▸ Dataset entries
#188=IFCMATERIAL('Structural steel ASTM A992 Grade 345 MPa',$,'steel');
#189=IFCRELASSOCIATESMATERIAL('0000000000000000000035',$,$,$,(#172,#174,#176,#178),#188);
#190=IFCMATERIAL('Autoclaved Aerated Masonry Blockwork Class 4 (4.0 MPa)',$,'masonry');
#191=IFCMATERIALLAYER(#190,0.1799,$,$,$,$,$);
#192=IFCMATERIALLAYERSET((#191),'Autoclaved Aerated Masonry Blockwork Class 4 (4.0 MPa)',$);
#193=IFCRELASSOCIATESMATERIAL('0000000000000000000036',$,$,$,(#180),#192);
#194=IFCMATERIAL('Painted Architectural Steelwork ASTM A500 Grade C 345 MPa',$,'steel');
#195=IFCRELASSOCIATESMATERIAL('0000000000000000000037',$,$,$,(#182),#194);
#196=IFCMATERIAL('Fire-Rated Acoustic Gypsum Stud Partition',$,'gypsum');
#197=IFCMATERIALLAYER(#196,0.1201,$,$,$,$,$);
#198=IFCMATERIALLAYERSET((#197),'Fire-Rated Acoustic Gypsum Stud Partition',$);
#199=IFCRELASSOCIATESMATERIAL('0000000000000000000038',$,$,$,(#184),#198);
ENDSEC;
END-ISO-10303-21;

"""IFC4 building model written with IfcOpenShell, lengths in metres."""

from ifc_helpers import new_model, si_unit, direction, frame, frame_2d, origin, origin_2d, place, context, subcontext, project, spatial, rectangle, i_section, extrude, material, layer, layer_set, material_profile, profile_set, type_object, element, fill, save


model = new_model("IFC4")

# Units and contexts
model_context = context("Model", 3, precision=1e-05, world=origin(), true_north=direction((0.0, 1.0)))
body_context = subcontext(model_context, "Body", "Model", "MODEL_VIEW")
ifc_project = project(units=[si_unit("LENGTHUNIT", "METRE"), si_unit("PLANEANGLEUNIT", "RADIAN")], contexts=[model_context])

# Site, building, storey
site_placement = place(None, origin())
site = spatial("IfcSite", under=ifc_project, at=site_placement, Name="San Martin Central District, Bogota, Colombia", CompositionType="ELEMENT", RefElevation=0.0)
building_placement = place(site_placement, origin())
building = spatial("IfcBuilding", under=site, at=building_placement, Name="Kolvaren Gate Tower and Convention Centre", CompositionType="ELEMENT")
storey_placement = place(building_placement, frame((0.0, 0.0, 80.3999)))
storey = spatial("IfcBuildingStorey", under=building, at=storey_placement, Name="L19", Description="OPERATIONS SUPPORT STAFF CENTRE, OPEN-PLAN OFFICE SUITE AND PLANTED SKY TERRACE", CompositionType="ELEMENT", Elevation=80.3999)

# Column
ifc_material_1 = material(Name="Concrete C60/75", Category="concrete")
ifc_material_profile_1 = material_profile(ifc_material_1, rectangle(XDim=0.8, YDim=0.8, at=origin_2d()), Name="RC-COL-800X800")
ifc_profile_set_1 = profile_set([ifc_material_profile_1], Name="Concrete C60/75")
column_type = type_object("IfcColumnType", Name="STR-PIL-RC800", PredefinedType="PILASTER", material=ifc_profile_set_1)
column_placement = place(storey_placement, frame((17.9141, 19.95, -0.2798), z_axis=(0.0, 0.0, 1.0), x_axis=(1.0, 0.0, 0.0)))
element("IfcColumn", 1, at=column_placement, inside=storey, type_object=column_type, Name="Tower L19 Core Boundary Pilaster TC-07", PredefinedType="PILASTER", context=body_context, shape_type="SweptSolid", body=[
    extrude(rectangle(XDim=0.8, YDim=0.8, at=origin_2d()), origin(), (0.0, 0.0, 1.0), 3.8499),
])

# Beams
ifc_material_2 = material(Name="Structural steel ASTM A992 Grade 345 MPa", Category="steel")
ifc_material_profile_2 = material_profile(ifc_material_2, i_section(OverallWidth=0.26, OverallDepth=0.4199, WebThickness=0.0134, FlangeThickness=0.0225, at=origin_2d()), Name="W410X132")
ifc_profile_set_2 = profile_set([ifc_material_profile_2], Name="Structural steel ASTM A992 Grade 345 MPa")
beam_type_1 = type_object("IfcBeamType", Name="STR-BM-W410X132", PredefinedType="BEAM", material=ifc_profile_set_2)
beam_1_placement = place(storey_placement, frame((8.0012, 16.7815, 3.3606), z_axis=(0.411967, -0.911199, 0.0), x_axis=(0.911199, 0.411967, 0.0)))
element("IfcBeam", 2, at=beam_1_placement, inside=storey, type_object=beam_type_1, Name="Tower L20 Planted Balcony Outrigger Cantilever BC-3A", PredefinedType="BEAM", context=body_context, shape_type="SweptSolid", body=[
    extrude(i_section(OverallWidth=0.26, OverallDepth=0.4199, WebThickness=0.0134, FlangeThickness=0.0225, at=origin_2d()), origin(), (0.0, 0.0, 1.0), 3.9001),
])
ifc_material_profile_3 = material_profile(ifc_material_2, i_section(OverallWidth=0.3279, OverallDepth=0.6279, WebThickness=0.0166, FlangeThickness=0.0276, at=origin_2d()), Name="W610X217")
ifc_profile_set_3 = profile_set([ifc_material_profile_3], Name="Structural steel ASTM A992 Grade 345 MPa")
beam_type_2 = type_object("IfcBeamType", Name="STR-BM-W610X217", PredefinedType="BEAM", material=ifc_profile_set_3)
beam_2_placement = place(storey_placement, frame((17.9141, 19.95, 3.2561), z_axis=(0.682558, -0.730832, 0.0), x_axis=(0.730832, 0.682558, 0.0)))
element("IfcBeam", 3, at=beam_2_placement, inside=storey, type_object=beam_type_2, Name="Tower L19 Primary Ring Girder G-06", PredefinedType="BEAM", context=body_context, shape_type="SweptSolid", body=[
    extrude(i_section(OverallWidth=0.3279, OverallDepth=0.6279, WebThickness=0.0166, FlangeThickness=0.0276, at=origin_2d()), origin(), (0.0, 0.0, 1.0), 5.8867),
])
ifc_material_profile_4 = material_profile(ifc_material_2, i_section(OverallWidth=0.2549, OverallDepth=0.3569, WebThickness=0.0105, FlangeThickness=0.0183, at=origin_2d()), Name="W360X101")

▸ What you have to do
Each line of the records must be reproduced exactly.

▸ Response to this task
#188=IFCMATERIAL('Structural steel ASTM A992 Grade 345 MPa',$,'steel');
#189=IFCRELASSOCIATESMATERIAL('0000000000000000000035',$,$,$,(#172,#174,#176,#178),#188);
#190=IFCMATERIAL('Autoclaved Aerated Masonry Blockwork Class 4 (4.0 MPa)',$,'masonry');
#191=IFCMATERIALLAYER(#190,0.1799,$,$,$,$,$);
#192=IFCMATERIALLAYERSET((#191),'Autoclaved Aerated Masonry Blockwork Class 4 (4.0 MPa)',$);
#193=IFCRELASSOCIATESMATERIAL('0000000000000000000036',$,$,$,(#180),#192);
#194=IFCMATERIAL('Painted Architectural Steelwork ASTM A500 Grade C 345 MPa',$,'steel');
#195=IFCRELASSOCIATESMATERIAL('0000000000000000000037',$,$,$,(#182),#194);
#196=IFCMATERIAL('Fire-Rated Acoustic Gypsum Stud Partition',$,'gypsum');
#197=IFCMATERIALLAYER(#196,0.1201,$,$,$,$,$);
#198=IFCMATERIALLAYERSET((#197),'Fire-Rated Acoustic Gypsum Stud Partition',$);
#199=IFCRELASSOCIATESMATERIAL('0000000000000000000038',$,$,$,(#184),#198);
ENDSEC;
END-ISO-10303-21;

"""IFC4 building model written with IfcOpenShell, lengths in metres."""

from ifc_helpers import new_model, si_unit, direction, frame, frame_2d, origin, origin_2d, place, context, subcontext, project, spatial, rectangle, i_section, extrude, material, layer, layer_set, material_profile, profile_set, type_object, element, fill, save


model = new_model("IFC4")

# Units and contexts
model_context = context("Model", 3, precision=1e-05, world=origin(), true_north=direction((0.0, 1.0)))
body_context = subcontext(model_context, "Body", "Model", "MODEL_VIEW")
ifc_project = project(units=[si_unit("LENGTHUNIT", "METRE"), si_unit("PLANEANGLEUNIT", "RADIAN")], contexts=[model_context])

# Site, building, storey
site_placement = place(None, origin())
site = spatial("IfcSite", under=ifc_project, at=site_placement, Name="San Martin Central District, Bogota, Colombia", CompositionType="ELEMENT", RefElevation=0.0)
building_placement = place(site_placement, origin())
building = spatial("IfcBuilding", under=site, at=building_placement, Name="Kolvaren Gate Tower and Convention Centre", CompositionType="ELEMENT")
storey_placement = place(building_placement, frame((0.0, 0.0, 80.3999)))
storey = spatial("IfcBuildingStorey", under=building, at=storey_placement, Name="L19", Description="OPERATIONS SUPPORT STAFF CENTRE, OPEN-PLAN OFFICE SUITE AND PLANTED SKY TERRACE", CompositionType="ELEMENT", Elevation=80.3999)

# Column
ifc_material_1 = material(Name="Concrete C60/75", Category="concrete")
ifc_material_profile_1 = material_profile(ifc_material_1, rectangle(XDim=0.8, YDim=0.8, at=origin_2d()), Name="RC-COL-800X800")
ifc_profile_set_1 = profile_set([ifc_material_profile_1], Name="Concrete C60/75")
column_type = type_object("IfcColumnType", Name="STR-PIL-RC800", PredefinedType="PILASTER", material=ifc_profile_set_1)
column_placement = place(storey_placement, frame((17.9141, 19.95, -0.2798), z_axis=(0.0, 0.0, 1.0), x_axis=(1.0, 0.0, 0.0)))
element("IfcColumn", 1, at=column_placement, inside=storey, type_object=column_type, Name="Tower L19 Core Boundary Pilaster TC-07", PredefinedType="PILASTER", context=body_context, shape_type="SweptSolid", body=[
    extrude(rectangle(XDim=0.8, YDim=0.8, at=origin_2d()), origin(), (0.0, 0.0, 1.0), 3.8499),
])

# Beams
ifc_material_2 = material(Name="Structural steel ASTM A992 Grade 345 MPa", Category="steel")
ifc_material_profile_2 = material_profile(ifc_material_2, i_section(OverallWidth=0.26, OverallDepth=0.4199, WebThickness=0.0134, FlangeThickness=0.0225, at=origin_2d()), Name="W410X132")
ifc_profile_set_2 = profile_set([ifc_material_profile_2], Name="Structural steel ASTM A992 Grade 345 MPa")
beam_type_1 = type_object("IfcBeamType", Name="STR-BM-W410X132", PredefinedType="BEAM", material=ifc_profile_set_2)
beam_1_placement = place(storey_placement, frame((8.0012, 16.7815, 3.3606), z_axis=(0.411967, -0.911199, 0.0), x_axis=(0.911199, 0.411967, 0.0)))
element("IfcBeam", 2, at=beam_1_placement, inside=storey, type_object=beam_type_1, Name="Tower L20 Planted Balcony Outrigger Cantilever BC-3A", PredefinedType="BEAM", context=body_context, shape_type="SweptSolid", body=[
    extrude(i_section(OverallWidth=0.26, OverallDepth=0.4199, WebThickness=0.0134, FlangeThickness=0.0225, at=origin_2d()), origin(), (0.0, 0.0, 1.0), 3.9001),
])
ifc_material_profile_3 = material_profile(ifc_material_2, i_section(OverallWidth=0.3279, OverallDepth=0.6279, WebThickness=0.0166, FlangeThickness=0.0276, at=origin_2d()), Name="W610X217")
ifc_profile_set_3 = profile_set([ifc_material_profile_3], Name="Structural steel ASTM A992 Grade 345 MPa")
beam_type_2 = type_object("IfcBeamType", Name="STR-BM-W610X217", PredefinedType="BEAM", material=ifc_profile_set_3)
beam_2_placement = place(storey_placement, frame((17.9141, 19.95, 3.2561), z_axis=(0.682558, -0.730832, 0.0), x_axis=(0.730832, 0.682558, 0.0)))
element("IfcBeam", 3, at=beam_2_placement, inside=storey, type_object=beam_type_2, Name="Tower L19 Primary Ring Girder G-06", PredefinedType="BEAM", context=body_context, shape_type="SweptSolid", body=[
    extrude(i_section(OverallWidth=0.3279, OverallDepth=0.6279, WebThickness=0.0166, FlangeThickness=0.0276, at=origin_2d()), origin(), (0.0, 0.0, 1.0), 5.8867),
])
ifc_material_profile_4 = material_profile(ifc_material_2, i_section(OverallWidth=0.2549, OverallDepth=0.3569, WebThickness=0.0105, FlangeThickness=0.0183, at=origin_2d()), Name="W360X101")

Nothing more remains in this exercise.